Return the lines from the start of the data through the line with "site_placement = place(None, origin())". Include both of those lines and no others.

=== Begin Enclosure ===

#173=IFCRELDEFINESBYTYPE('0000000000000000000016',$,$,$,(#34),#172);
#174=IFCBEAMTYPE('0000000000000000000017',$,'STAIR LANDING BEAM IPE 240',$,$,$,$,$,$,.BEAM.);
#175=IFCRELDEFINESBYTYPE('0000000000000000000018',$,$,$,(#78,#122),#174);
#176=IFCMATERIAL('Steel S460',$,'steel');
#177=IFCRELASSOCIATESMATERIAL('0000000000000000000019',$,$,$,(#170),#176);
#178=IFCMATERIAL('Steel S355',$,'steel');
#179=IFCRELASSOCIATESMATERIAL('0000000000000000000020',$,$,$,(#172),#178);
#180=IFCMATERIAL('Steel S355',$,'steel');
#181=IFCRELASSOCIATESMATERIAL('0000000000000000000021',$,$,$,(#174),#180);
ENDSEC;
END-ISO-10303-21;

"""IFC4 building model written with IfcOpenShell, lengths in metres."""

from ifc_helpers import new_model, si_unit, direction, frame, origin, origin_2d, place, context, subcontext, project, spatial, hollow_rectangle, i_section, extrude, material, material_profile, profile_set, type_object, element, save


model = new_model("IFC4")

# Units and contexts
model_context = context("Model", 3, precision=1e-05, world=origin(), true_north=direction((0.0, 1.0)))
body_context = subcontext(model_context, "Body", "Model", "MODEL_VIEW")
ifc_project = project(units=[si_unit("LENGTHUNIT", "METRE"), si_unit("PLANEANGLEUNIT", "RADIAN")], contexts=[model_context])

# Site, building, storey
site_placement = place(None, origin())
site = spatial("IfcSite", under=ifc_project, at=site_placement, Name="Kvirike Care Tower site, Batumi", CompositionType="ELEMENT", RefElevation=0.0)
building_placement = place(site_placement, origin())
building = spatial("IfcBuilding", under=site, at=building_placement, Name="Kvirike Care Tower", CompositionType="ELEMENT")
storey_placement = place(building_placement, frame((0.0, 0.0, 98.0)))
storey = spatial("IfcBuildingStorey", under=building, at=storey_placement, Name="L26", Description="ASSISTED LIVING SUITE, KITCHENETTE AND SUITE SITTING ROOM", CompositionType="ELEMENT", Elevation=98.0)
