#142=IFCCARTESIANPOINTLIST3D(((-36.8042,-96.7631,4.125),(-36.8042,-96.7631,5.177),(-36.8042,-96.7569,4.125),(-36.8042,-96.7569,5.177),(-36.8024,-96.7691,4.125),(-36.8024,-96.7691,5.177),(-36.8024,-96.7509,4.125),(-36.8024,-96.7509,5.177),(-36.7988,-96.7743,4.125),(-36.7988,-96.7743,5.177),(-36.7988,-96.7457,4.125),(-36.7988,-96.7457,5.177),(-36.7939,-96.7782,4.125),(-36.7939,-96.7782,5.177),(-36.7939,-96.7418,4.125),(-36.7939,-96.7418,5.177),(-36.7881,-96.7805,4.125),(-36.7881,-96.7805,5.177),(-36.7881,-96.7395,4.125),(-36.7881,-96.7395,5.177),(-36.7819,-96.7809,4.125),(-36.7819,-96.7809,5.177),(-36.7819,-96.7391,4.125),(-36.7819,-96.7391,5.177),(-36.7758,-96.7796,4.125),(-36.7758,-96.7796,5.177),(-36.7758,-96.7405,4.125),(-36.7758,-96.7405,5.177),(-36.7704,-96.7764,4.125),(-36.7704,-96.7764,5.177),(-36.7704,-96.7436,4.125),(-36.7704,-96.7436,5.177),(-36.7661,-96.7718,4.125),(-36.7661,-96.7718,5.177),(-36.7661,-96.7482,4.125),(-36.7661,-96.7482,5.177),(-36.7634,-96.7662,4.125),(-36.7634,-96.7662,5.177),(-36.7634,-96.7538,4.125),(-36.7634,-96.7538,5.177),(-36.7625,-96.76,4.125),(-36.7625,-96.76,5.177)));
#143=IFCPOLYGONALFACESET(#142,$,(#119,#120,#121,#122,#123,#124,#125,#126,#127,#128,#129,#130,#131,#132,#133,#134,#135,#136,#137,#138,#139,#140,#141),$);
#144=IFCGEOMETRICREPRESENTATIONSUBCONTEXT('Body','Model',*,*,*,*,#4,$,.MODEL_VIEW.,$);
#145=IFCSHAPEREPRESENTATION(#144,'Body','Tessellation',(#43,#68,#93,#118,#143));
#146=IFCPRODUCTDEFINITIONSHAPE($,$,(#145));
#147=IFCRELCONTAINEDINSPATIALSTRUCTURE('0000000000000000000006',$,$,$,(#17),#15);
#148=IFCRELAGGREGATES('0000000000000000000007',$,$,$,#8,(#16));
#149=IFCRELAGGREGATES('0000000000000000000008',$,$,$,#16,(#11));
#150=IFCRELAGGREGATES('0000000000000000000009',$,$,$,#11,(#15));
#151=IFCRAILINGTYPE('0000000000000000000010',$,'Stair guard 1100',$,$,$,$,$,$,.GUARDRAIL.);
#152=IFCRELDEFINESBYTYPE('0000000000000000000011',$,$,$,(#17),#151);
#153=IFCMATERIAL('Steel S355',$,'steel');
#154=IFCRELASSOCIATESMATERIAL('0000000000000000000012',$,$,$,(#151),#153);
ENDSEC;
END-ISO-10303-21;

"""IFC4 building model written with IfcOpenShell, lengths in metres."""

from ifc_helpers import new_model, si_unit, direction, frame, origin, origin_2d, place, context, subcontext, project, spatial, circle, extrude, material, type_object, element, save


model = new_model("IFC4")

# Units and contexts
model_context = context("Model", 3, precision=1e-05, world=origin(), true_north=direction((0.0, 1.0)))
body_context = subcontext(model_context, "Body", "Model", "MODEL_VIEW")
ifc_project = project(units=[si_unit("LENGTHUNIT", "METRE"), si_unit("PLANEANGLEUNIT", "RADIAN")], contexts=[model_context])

=== End Enclosure ===

*Expected output*:
#173=IFCRELDEFINESBYTYPE('0000000000000000000016',$,$,$,(#34),#172);
#174=IFCBEAMTYPE('0000000000000000000017',$,'STAIR LANDING BEAM IPE 240',$,$,$,$,$,$,.BEAM.);
#175=IFCRELDEFINESBYTYPE('0000000000000000000018',$,$,$,(#78,#122),#174);
#176=IFCMATERIAL('Steel S460',$,'steel');
#177=IFCRELASSOCIATESMATERIAL('0000000000000000000019',$,$,$,(#170),#176);
#178=IFCMATERIAL('Steel S355',$,'steel');
#179=IFCRELASSOCIATESMATERIAL('0000000000000000000020',$,$,$,(#172),#178);
#180=IFCMATERIAL('Steel S355',$,'steel');
#181=IFCRELASSOCIATESMATERIAL('0000000000000000000021',$,$,$,(#174),#180);
ENDSEC;
END-ISO-10303-21;

"""IFC4 building model written with IfcOpenShell, lengths in metres."""

from ifc_helpers import new_model, si_unit, direction, frame, origin, origin_2d, place, context, subcontext, project, spatial, hollow_rectangle, i_section, extrude, material, material_profile, profile_set, type_object, element, save


model = new_model("IFC4")

# Units and contexts
model_context = context("Model", 3, precision=1e-05, world=origin(), true_north=direction((0.0, 1.0)))
body_context = subcontext(model_context, "Body", "Model", "MODEL_VIEW")
ifc_project = project(units=[si_unit("LENGTHUNIT", "METRE"), si_unit("PLANEANGLEUNIT", "RADIAN")], contexts=[model_context])

# Site, building, storey
site_placement = place(None, origin())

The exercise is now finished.